From the very first line down to the line containing "#72=IFCINDEXEDPOLYGONALFACE((9,13,15,11));", write out the material exactly as it appears, and no more.

(Records for this exercise):
______________________________

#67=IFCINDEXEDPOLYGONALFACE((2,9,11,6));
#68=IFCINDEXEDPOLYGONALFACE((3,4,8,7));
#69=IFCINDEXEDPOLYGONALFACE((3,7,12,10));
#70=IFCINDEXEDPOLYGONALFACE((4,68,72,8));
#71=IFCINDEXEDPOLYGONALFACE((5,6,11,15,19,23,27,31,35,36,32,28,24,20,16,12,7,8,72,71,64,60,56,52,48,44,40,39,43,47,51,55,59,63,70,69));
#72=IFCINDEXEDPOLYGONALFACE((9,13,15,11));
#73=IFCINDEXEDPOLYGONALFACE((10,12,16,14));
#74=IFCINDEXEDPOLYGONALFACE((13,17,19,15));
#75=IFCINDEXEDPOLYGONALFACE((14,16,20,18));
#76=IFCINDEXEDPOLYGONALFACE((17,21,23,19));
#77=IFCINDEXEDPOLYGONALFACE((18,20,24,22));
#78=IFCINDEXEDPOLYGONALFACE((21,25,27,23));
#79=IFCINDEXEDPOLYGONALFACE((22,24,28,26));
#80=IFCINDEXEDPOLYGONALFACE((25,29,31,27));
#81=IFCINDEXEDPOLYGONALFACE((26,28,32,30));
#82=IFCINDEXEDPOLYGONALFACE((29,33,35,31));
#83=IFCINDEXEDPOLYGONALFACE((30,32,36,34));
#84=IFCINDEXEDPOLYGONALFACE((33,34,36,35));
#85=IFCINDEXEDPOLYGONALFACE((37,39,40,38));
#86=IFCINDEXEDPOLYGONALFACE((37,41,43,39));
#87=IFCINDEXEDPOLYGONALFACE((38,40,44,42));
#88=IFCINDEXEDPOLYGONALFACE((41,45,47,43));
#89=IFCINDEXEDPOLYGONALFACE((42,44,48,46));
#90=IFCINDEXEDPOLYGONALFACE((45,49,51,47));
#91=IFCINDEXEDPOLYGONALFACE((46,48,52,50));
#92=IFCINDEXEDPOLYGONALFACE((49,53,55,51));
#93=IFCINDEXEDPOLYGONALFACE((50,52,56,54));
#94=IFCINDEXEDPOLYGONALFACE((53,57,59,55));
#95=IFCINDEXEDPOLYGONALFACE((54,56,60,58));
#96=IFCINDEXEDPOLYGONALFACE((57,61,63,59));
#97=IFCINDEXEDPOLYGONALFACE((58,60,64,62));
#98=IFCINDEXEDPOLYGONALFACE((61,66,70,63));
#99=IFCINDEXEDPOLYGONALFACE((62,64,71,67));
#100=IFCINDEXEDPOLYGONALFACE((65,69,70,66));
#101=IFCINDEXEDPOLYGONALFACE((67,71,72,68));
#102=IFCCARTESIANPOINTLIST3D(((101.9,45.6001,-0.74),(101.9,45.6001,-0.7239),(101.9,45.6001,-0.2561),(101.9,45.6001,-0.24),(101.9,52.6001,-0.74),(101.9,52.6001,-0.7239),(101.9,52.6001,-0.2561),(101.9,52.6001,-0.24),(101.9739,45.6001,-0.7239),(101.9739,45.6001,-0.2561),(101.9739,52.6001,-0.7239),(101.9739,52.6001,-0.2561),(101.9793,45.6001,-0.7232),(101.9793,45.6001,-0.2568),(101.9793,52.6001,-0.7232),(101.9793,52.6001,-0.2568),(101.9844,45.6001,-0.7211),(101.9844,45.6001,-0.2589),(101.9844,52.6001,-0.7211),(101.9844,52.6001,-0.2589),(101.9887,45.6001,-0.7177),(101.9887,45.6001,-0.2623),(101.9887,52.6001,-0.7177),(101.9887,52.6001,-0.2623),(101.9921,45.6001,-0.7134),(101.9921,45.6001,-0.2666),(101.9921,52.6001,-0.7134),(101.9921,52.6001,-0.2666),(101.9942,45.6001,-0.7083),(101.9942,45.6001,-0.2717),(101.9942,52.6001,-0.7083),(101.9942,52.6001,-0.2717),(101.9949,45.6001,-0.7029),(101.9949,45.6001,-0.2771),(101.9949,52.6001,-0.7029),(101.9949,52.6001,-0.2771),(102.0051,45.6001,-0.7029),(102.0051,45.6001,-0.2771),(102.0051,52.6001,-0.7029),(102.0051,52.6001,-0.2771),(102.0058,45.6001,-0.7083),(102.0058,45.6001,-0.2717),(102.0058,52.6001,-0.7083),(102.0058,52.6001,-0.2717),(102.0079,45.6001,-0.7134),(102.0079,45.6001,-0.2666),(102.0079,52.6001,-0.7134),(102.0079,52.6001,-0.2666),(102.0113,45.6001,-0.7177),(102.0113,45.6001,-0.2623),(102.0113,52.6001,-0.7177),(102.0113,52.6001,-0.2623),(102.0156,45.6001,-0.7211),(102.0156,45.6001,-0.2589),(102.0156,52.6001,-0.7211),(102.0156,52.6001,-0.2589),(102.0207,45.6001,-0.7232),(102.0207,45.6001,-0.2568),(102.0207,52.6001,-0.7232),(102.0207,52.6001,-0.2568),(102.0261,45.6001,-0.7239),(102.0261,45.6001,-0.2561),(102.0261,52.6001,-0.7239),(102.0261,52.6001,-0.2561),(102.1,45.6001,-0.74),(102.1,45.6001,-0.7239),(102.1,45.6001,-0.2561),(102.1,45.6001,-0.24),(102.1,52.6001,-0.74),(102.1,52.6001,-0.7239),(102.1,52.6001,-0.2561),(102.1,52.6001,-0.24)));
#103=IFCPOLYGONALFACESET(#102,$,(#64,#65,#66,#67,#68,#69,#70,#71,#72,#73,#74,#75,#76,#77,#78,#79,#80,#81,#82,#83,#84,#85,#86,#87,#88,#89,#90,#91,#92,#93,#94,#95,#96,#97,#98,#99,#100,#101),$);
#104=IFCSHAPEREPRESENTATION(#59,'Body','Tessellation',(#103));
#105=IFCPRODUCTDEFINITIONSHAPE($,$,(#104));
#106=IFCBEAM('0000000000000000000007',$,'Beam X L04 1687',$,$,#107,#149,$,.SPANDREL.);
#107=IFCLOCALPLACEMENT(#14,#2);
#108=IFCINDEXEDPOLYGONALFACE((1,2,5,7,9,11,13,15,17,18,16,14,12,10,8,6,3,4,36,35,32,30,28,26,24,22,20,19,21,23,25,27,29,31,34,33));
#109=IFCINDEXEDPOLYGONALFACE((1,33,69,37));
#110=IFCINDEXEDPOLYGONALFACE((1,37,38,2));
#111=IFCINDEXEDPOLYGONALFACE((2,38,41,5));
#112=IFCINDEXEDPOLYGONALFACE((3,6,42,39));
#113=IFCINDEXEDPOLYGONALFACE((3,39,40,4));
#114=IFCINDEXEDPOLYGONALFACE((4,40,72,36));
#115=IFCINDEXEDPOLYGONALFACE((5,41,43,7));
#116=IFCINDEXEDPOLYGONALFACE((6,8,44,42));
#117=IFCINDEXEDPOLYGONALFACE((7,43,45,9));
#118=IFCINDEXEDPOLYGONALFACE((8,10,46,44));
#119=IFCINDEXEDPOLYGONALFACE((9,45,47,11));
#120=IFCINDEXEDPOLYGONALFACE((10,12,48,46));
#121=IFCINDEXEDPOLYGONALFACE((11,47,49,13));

______________________________

(Task output):
#67=IFCINDEXEDPOLYGONALFACE((2,9,11,6));
#68=IFCINDEXEDPOLYGONALFACE((3,4,8,7));
#69=IFCINDEXEDPOLYGONALFACE((3,7,12,10));
#70=IFCINDEXEDPOLYGONALFACE((4,68,72,8));
#71=IFCINDEXEDPOLYGONALFACE((5,6,11,15,19,23,27,31,35,36,32,28,24,20,16,12,7,8,72,71,64,60,56,52,48,44,40,39,43,47,51,55,59,63,70,69));
#72=IFCINDEXEDPOLYGONALFACE((9,13,15,11));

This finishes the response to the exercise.